● PROBLEM DESCRIPTION
Only lines holding the word "SweptSolid" are wanted from the records; copy all of them.

● GIVEN INFORMATION
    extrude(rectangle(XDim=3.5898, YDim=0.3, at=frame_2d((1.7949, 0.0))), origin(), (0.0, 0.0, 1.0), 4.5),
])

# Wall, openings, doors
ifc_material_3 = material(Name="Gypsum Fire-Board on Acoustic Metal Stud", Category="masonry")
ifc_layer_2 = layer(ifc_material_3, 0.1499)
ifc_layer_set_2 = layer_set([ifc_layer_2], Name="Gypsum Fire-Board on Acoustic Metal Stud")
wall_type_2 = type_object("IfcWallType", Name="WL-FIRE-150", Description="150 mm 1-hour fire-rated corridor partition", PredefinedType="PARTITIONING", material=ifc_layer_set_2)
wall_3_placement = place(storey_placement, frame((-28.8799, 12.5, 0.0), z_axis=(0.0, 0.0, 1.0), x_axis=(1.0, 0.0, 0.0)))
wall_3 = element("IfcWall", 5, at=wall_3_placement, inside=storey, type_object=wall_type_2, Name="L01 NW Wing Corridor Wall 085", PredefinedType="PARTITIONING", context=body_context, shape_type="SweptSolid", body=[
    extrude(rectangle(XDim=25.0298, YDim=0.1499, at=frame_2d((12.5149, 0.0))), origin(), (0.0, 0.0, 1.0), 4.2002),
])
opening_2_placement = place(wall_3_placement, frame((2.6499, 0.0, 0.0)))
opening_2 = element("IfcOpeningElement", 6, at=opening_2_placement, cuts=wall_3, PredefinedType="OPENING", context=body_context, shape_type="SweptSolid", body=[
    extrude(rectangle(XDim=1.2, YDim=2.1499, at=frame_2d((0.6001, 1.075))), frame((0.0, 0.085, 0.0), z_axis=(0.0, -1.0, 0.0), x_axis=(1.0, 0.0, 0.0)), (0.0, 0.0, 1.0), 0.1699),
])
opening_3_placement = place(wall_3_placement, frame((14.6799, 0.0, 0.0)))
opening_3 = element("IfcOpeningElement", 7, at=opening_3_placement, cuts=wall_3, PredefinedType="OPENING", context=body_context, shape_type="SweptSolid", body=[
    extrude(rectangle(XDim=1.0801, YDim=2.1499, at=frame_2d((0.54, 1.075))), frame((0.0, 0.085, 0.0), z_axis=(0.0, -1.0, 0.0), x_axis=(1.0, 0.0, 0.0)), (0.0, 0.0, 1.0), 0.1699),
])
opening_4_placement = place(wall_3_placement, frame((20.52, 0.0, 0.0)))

● TASK RESPONSE
wall_3 = element("IfcWall", 5, at=wall_3_placement, inside=storey, type_object=wall_type_2, Name="L01 NW Wing Corridor Wall 085", PredefinedType="PARTITIONING", context=body_context, shape_type="SweptSolid", body=[
opening_2 = element("IfcOpeningElement", 6, at=opening_2_placement, cuts=wall_3, PredefinedType="OPENING", context=body_context, shape_type="SweptSolid", body=[
opening_3 = element("IfcOpeningElement", 7, at=opening_3_placement, cuts=wall_3, PredefinedType="OPENING", context=body_context, shape_type="SweptSolid", body=[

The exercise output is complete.